PROBLEM: Go through the records and report each line in which the word "save" occurs.

INPUT MATERIAL:
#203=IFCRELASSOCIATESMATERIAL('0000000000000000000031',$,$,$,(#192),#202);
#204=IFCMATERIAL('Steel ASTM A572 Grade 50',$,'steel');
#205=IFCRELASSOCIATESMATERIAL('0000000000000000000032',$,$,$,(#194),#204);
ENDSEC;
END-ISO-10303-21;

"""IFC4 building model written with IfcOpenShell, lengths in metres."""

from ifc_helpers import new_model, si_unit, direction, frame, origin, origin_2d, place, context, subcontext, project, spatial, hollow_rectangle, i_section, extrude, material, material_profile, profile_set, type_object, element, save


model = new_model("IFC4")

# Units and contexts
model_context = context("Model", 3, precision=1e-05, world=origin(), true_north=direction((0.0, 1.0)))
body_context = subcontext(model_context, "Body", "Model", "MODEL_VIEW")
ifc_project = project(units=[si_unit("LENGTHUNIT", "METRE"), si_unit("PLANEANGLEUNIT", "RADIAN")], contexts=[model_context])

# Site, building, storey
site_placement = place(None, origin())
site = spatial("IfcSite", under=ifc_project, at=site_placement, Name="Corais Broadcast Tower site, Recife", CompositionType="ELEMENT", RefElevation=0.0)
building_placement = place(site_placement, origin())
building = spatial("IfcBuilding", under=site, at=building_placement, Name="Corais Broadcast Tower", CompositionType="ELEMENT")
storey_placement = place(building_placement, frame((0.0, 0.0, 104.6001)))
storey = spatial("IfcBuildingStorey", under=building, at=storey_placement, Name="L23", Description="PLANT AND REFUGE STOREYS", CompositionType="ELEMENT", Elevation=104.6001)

...

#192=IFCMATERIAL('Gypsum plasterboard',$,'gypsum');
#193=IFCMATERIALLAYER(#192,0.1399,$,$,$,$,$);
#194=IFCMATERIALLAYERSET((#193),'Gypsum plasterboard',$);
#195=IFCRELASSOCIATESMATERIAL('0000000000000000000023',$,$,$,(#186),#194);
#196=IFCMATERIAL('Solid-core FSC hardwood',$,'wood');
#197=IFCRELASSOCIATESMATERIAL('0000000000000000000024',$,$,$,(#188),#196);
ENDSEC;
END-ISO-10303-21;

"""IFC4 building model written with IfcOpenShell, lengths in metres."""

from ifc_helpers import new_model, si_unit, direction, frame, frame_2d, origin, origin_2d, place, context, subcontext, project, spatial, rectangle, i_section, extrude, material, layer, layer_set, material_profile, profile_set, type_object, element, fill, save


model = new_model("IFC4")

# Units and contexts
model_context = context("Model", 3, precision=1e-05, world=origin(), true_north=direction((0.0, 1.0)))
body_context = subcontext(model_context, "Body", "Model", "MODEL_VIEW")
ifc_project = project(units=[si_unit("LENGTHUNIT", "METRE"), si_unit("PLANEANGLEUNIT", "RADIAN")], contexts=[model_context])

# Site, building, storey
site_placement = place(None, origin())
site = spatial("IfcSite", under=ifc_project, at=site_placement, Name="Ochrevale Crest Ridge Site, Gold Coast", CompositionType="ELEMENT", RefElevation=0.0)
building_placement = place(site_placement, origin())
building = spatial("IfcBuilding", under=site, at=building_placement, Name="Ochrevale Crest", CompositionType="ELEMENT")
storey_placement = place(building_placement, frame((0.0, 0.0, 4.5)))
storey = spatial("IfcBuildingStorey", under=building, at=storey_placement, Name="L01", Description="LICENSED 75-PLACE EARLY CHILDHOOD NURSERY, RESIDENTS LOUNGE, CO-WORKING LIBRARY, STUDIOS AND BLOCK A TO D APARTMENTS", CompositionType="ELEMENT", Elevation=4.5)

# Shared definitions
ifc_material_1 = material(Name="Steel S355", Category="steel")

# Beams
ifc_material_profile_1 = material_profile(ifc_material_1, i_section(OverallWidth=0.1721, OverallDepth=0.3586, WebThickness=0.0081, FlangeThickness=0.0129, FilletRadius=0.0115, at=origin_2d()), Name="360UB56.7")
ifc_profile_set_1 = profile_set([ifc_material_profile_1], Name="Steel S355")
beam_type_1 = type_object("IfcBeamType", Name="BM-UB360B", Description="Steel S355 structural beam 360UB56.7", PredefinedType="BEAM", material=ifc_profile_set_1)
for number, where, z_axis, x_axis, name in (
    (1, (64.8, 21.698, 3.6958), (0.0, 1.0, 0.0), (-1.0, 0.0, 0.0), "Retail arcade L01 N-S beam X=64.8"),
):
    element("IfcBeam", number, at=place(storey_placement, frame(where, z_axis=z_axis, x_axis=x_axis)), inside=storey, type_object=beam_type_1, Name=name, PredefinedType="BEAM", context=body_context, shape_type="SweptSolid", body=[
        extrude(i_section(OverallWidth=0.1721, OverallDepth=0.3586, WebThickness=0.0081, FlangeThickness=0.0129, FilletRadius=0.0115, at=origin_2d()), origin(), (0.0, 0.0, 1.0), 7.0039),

THE ANSWER:
from ifc_helpers import new_model, si_unit, direction, frame, origin, origin_2d, place, context, subcontext, project, spatial, hollow_rectangle, i_section, extrude, material, material_profile, profile_set, type_object, element, save
from ifc_helpers import new_model, si_unit, direction, frame, frame_2d, origin, origin_2d, place, context, subcontext, project, spatial, rectangle, i_section, extrude, material, layer, layer_set, material_profile, profile_set, type_object, element, fill, save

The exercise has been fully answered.